§ Instructions to follow: In the records, each line holding "IFCPOLYGONALFACESET" must be reported.

§ Records shown:
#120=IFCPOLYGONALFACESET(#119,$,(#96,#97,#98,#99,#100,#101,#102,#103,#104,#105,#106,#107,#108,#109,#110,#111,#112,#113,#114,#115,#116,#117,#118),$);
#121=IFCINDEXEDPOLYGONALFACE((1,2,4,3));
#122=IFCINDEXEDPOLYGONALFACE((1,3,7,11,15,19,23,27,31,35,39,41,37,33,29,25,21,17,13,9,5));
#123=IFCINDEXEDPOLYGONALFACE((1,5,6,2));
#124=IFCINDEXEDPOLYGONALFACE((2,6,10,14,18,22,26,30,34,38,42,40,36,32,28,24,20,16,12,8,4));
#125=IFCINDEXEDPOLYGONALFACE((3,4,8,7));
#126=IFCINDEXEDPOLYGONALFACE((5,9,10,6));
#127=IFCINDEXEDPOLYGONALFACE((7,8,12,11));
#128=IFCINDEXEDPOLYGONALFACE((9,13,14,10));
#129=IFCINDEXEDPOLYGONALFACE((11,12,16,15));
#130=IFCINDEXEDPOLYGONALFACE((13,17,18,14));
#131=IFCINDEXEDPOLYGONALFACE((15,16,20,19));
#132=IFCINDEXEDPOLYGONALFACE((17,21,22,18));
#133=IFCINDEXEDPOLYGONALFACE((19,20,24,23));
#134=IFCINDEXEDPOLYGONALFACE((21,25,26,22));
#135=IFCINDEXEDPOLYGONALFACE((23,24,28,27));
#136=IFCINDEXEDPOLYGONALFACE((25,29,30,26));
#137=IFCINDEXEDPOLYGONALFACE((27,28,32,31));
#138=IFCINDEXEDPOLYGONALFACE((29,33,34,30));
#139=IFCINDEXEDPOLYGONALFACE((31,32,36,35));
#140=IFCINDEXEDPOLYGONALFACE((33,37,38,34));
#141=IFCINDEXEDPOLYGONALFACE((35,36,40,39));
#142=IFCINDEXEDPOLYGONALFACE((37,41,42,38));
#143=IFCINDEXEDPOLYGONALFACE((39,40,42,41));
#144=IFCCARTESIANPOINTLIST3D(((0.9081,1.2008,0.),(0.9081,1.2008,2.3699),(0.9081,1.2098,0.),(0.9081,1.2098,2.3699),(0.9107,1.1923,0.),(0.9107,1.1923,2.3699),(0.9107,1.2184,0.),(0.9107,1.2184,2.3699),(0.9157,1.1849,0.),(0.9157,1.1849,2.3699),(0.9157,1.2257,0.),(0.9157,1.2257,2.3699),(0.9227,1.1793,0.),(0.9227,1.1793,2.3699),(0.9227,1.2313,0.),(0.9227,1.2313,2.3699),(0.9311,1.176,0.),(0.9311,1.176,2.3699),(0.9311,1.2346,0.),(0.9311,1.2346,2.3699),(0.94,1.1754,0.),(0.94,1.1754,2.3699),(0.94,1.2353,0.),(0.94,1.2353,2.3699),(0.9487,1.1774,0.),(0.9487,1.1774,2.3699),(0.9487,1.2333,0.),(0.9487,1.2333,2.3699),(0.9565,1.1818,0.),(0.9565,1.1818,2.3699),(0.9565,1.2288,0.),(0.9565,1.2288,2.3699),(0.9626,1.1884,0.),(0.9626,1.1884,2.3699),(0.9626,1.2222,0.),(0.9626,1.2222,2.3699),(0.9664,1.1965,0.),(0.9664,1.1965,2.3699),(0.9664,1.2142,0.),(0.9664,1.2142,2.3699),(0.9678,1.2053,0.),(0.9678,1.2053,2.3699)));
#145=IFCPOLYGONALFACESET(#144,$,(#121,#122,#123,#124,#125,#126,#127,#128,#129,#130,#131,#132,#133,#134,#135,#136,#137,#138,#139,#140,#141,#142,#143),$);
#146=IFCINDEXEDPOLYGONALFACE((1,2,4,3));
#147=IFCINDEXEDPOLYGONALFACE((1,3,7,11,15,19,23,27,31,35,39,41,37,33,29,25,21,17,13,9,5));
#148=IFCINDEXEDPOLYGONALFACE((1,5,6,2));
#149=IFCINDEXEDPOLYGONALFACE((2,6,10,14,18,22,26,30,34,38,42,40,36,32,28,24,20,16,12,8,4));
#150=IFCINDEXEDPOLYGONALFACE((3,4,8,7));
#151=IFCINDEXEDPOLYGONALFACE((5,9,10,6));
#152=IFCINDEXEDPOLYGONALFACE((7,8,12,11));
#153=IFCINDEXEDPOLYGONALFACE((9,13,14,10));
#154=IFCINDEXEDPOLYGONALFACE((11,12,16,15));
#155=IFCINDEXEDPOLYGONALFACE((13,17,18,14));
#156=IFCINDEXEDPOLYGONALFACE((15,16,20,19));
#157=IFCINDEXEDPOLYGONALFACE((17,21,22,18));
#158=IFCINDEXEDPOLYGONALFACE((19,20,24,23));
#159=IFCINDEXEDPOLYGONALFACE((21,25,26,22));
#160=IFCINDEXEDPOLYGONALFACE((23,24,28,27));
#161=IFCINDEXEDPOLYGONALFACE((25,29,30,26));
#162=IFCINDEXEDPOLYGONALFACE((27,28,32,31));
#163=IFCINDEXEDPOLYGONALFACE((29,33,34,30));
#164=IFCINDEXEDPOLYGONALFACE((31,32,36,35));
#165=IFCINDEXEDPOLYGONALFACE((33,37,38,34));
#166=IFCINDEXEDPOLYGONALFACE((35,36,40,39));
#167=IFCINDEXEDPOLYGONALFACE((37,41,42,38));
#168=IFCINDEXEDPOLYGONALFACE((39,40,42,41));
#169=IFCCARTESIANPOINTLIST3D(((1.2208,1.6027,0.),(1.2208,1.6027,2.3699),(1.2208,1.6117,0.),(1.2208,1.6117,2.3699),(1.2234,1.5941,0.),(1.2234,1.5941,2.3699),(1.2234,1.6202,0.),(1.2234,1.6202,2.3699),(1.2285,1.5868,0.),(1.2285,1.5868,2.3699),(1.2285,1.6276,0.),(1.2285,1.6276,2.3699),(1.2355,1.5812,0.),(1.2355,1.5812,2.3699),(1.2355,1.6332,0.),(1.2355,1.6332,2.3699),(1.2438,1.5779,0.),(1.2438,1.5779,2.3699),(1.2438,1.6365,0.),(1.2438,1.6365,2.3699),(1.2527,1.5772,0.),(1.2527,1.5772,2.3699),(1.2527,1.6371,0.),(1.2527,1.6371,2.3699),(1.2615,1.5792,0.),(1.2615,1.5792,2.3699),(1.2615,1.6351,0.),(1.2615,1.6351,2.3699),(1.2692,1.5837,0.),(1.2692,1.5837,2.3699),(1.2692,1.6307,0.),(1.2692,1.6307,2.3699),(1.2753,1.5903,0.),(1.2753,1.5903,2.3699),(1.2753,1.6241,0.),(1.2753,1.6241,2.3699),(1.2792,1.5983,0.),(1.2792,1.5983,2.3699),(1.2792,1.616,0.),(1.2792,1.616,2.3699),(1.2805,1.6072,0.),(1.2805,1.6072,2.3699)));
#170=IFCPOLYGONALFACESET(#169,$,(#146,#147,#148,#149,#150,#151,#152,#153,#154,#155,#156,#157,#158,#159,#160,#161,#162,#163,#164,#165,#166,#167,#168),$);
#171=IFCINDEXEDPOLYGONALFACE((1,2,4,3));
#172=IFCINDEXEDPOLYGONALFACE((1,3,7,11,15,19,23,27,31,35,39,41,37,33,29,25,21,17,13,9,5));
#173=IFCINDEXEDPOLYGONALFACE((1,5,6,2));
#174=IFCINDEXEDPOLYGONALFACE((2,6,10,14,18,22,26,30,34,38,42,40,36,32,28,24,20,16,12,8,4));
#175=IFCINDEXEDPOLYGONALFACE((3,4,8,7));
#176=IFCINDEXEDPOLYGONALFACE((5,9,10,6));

§ Answer for the task:
#120=IFCPOLYGONALFACESET(#119,$,(#96,#97,#98,#99,#100,#101,#102,#103,#104,#105,#106,#107,#108,#109,#110,#111,#112,#113,#114,#115,#116,#117,#118),$);
#145=IFCPOLYGONALFACESET(#144,$,(#121,#122,#123,#124,#125,#126,#127,#128,#129,#130,#131,#132,#133,#134,#135,#136,#137,#138,#139,#140,#141,#142,#143),$);
#170=IFCPOLYGONALFACESET(#169,$,(#146,#147,#148,#149,#150,#151,#152,#153,#154,#155,#156,#157,#158,#159,#160,#161,#162,#163,#164,#165,#166,#167,#168),$);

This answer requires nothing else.